--- INFORMATION SUPPLIED ---

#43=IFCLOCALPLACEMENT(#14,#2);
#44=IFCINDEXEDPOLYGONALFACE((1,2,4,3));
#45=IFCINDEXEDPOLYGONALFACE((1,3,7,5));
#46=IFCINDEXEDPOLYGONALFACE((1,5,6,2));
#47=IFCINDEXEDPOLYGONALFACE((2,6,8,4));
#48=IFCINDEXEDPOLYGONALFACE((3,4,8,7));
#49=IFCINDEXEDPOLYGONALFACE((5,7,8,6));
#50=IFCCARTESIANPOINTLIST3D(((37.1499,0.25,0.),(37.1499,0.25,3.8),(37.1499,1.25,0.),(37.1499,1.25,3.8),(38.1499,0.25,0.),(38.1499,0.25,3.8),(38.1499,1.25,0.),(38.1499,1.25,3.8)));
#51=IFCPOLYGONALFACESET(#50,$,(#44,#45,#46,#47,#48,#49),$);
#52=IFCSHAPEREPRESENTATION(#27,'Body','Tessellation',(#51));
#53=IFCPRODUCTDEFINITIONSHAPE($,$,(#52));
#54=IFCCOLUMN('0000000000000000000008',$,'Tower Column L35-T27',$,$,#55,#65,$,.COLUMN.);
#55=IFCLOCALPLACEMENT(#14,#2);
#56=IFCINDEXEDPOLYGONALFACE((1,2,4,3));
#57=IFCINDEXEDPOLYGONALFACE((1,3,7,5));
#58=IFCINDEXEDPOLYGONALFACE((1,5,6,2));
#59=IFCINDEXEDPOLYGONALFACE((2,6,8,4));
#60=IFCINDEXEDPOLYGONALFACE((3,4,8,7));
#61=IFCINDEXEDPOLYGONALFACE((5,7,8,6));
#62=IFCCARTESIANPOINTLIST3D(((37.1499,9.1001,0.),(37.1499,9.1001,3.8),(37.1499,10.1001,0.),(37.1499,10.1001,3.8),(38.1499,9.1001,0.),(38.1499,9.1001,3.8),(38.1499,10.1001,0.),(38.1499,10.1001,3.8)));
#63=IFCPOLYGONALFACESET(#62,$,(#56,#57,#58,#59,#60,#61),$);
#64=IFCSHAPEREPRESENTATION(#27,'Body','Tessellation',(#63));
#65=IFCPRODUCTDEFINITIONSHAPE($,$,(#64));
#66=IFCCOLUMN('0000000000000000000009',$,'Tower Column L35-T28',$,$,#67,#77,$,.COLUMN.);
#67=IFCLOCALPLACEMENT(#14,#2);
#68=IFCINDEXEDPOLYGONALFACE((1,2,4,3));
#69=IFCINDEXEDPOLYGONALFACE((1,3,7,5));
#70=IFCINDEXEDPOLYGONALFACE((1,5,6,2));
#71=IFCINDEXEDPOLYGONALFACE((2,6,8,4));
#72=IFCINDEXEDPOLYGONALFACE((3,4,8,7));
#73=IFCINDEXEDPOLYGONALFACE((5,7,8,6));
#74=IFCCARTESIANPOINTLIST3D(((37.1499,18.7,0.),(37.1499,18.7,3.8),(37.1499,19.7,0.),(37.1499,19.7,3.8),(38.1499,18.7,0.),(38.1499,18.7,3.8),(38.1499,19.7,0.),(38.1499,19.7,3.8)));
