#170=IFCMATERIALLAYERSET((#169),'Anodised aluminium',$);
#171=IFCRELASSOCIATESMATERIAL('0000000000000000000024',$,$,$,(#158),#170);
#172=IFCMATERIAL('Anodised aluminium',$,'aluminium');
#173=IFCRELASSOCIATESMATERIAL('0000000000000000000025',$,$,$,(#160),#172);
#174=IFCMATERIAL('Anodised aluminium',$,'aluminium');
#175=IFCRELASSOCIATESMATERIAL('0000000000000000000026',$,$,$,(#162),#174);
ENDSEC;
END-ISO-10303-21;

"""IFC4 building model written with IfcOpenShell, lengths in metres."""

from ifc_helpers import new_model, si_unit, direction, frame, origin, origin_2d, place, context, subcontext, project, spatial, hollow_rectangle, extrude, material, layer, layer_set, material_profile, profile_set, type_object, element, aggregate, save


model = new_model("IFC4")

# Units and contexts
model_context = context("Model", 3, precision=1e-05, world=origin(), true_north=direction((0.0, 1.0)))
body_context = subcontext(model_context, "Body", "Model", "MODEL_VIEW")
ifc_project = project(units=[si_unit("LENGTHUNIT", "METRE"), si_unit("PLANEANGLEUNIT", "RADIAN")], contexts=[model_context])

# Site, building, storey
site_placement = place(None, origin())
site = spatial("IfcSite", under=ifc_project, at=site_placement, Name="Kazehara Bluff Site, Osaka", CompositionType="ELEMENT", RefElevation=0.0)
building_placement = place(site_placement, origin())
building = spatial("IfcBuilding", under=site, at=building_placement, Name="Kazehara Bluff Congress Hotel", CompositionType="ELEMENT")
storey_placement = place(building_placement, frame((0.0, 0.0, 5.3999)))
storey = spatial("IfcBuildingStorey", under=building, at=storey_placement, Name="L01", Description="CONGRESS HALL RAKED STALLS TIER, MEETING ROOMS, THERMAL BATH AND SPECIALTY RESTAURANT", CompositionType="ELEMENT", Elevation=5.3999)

---

From the material above, copy out every line bearing the string "IFCSHAPEREPRESENTATION".

### SOLUTION TO THE EXERCISE
#52=IFCSHAPEREPRESENTATION(#27,'Body','Tessellation',(#51));
#64=IFCSHAPEREPRESENTATION(#27,'Body','Tessellation',(#63));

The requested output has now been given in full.